[Start of section]

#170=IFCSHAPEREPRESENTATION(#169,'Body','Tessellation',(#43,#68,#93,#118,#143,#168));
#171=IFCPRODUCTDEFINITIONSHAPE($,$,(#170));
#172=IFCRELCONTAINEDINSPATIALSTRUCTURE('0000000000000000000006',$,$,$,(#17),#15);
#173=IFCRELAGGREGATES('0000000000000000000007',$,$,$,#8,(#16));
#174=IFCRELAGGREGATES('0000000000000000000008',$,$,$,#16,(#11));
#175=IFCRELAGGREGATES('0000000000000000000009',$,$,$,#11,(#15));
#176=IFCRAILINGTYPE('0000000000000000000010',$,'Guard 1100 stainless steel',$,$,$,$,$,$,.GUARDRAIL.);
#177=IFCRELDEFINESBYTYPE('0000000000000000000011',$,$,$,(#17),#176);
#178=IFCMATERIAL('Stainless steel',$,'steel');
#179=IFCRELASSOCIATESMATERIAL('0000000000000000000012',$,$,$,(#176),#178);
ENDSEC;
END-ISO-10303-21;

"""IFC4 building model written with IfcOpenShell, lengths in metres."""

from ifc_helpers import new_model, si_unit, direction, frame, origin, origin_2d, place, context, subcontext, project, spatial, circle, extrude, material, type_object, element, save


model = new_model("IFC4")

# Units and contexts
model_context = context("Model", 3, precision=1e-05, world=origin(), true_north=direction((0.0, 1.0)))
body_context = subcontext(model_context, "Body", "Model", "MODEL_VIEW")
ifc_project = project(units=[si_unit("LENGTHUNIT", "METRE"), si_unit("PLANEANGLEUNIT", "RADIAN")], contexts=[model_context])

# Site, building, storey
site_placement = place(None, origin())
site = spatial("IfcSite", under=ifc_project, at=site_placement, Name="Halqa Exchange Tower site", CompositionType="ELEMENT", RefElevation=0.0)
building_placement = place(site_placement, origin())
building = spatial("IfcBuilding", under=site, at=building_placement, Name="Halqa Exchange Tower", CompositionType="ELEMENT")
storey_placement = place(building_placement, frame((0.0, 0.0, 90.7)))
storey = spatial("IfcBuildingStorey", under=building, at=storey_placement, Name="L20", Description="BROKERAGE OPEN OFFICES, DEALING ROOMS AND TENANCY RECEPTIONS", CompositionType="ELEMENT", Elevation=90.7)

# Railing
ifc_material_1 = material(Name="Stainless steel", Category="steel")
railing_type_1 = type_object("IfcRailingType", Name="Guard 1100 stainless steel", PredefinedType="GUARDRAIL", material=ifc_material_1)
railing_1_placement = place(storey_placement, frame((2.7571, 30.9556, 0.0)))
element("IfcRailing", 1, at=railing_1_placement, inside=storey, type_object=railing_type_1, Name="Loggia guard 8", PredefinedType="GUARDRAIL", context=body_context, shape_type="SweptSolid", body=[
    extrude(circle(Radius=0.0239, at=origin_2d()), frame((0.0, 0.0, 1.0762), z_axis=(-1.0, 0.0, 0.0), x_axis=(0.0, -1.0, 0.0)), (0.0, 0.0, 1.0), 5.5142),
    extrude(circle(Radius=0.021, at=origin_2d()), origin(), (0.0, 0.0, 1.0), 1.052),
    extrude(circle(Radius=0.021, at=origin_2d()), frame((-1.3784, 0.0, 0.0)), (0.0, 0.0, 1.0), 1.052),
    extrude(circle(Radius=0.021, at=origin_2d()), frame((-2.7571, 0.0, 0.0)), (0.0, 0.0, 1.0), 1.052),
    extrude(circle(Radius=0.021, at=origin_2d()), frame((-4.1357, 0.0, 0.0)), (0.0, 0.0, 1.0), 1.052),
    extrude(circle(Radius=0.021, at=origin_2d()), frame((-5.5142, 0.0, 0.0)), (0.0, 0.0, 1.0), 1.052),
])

[End of section]
[Start of section]

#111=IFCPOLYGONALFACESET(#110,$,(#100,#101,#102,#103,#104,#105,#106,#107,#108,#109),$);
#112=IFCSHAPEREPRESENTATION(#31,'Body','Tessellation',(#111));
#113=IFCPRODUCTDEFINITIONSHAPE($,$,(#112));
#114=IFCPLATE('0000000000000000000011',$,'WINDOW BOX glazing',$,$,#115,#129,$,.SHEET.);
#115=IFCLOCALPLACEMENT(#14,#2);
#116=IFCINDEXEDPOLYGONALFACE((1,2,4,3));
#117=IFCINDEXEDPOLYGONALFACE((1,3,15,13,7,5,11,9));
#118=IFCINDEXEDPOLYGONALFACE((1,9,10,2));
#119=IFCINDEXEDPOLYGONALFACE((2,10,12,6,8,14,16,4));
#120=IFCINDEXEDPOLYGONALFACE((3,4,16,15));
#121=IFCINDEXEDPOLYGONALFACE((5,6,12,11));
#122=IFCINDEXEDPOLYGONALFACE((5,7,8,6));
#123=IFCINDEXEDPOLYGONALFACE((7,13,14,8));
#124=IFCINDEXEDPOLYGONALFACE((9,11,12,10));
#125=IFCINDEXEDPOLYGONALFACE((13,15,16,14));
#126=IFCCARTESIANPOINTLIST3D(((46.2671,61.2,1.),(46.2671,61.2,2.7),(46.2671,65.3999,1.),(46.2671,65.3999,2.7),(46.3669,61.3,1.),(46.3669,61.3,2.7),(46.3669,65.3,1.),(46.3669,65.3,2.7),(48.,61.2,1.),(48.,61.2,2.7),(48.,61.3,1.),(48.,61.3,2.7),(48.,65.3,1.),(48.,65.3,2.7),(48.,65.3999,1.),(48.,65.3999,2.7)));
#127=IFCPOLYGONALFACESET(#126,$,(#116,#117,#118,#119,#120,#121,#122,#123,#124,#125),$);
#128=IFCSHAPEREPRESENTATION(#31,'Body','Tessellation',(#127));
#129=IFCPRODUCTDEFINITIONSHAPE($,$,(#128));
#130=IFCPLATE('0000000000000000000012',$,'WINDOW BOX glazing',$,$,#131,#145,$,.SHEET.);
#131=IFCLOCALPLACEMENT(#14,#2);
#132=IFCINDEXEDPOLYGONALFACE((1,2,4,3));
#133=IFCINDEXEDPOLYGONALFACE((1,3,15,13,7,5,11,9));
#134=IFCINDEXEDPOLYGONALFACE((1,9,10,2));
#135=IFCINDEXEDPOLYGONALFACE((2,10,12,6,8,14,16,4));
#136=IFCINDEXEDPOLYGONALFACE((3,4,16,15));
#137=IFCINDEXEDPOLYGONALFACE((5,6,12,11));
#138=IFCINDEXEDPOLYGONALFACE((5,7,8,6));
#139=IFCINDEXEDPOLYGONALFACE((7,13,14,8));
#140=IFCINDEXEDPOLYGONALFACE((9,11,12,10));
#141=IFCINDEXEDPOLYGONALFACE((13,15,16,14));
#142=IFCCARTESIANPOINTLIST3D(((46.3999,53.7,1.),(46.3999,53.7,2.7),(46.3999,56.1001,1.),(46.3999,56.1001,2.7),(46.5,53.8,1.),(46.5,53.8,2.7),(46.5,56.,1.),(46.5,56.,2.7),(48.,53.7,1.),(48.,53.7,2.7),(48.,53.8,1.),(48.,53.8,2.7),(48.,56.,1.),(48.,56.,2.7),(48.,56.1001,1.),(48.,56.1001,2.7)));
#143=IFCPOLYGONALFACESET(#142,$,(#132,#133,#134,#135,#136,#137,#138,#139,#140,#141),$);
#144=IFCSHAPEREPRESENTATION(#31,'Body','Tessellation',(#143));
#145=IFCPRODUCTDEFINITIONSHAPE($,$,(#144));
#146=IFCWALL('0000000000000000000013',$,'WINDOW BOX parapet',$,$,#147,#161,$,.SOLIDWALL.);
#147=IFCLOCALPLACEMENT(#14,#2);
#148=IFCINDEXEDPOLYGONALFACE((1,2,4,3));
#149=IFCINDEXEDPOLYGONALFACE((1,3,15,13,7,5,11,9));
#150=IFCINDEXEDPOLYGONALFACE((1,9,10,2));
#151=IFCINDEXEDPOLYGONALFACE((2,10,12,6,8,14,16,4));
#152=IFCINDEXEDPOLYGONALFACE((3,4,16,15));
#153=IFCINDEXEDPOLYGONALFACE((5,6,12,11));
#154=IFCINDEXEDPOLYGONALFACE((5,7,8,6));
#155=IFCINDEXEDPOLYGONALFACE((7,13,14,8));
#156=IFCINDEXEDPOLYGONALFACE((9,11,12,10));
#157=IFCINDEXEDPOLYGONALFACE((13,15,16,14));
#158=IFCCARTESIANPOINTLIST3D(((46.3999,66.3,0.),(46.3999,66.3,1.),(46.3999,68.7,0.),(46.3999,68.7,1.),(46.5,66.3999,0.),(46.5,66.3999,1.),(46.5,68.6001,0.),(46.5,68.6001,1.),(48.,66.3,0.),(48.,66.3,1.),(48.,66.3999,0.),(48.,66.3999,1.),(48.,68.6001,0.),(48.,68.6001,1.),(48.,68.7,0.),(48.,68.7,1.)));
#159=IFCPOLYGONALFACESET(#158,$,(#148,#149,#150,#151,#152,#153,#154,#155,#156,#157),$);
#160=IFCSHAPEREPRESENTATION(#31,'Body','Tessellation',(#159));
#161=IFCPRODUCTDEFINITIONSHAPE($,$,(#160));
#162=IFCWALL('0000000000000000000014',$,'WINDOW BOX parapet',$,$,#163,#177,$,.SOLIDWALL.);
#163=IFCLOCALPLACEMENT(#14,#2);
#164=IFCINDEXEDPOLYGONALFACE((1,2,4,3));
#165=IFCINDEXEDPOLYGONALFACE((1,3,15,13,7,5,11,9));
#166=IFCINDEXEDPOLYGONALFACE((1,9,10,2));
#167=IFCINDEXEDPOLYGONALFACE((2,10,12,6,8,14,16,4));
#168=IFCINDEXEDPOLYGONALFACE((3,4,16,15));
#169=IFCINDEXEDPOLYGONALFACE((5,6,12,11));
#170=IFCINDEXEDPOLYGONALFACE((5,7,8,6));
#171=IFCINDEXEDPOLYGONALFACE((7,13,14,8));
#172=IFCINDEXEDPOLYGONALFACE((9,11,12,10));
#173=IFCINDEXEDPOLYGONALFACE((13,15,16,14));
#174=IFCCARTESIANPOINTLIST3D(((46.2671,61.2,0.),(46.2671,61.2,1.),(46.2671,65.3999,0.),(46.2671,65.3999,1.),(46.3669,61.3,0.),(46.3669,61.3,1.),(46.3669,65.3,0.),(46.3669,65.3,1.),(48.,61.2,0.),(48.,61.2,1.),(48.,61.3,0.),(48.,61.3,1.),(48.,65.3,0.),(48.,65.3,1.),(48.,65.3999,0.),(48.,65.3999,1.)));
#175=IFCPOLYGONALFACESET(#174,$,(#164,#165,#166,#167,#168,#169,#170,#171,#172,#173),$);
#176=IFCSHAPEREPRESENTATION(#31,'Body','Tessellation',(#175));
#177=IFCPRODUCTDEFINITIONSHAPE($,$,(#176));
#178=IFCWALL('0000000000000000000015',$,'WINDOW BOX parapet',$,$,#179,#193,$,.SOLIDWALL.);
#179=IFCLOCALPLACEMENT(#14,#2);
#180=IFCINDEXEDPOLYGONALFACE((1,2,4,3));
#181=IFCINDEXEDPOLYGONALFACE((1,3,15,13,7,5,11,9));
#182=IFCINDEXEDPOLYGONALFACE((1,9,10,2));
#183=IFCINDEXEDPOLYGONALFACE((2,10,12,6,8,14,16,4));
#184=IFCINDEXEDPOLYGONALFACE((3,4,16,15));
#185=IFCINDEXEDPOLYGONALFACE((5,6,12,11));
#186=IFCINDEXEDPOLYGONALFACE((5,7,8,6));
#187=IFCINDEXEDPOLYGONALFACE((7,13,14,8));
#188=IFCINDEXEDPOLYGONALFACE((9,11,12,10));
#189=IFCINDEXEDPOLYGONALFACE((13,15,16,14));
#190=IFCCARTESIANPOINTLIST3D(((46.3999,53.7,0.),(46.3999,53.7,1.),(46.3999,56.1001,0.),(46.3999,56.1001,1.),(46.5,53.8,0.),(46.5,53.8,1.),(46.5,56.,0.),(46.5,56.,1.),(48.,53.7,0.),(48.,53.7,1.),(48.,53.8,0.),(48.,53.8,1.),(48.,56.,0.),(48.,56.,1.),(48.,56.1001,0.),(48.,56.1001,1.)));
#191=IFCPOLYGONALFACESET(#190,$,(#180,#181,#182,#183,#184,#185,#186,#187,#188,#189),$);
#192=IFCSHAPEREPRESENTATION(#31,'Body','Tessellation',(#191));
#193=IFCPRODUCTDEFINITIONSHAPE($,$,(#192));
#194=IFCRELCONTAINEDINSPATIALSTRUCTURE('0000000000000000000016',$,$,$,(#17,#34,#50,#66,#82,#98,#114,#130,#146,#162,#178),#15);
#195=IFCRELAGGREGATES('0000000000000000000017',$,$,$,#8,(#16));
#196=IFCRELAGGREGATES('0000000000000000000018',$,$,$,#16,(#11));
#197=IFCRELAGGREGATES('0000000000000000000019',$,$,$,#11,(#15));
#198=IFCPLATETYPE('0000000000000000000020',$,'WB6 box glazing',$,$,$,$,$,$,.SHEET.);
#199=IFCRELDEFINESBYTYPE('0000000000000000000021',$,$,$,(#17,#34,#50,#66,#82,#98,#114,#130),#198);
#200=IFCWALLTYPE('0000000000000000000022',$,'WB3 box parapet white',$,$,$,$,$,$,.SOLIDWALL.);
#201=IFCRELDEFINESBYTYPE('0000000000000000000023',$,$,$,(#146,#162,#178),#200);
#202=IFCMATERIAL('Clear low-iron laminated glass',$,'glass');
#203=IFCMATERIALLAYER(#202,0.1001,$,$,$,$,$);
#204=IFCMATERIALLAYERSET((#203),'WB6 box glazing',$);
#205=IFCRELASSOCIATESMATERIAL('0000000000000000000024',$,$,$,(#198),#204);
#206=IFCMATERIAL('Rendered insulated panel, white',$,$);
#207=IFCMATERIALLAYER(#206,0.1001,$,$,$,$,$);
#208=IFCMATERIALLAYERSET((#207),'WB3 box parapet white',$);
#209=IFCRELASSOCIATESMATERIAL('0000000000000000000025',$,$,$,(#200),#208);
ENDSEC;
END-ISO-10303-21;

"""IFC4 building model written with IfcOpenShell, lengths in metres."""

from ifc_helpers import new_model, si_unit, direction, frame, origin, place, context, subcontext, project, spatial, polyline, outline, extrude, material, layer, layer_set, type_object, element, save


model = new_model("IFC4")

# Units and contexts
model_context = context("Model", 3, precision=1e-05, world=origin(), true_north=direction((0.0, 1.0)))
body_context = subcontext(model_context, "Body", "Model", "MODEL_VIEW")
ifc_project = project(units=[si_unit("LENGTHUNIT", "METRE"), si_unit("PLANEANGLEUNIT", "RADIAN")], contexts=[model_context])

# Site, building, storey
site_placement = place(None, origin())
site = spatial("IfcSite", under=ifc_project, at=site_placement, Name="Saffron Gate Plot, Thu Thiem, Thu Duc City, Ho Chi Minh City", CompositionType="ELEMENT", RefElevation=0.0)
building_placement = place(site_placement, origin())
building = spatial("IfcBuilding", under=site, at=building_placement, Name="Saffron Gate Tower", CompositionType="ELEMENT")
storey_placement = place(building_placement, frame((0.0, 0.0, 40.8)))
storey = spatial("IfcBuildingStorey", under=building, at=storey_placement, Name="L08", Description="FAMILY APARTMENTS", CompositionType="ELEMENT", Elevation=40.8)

[End of section]

Work to complete. Using the listing above, work out how many of its lines include "Saffron", and give only the result.

Response to the task. 2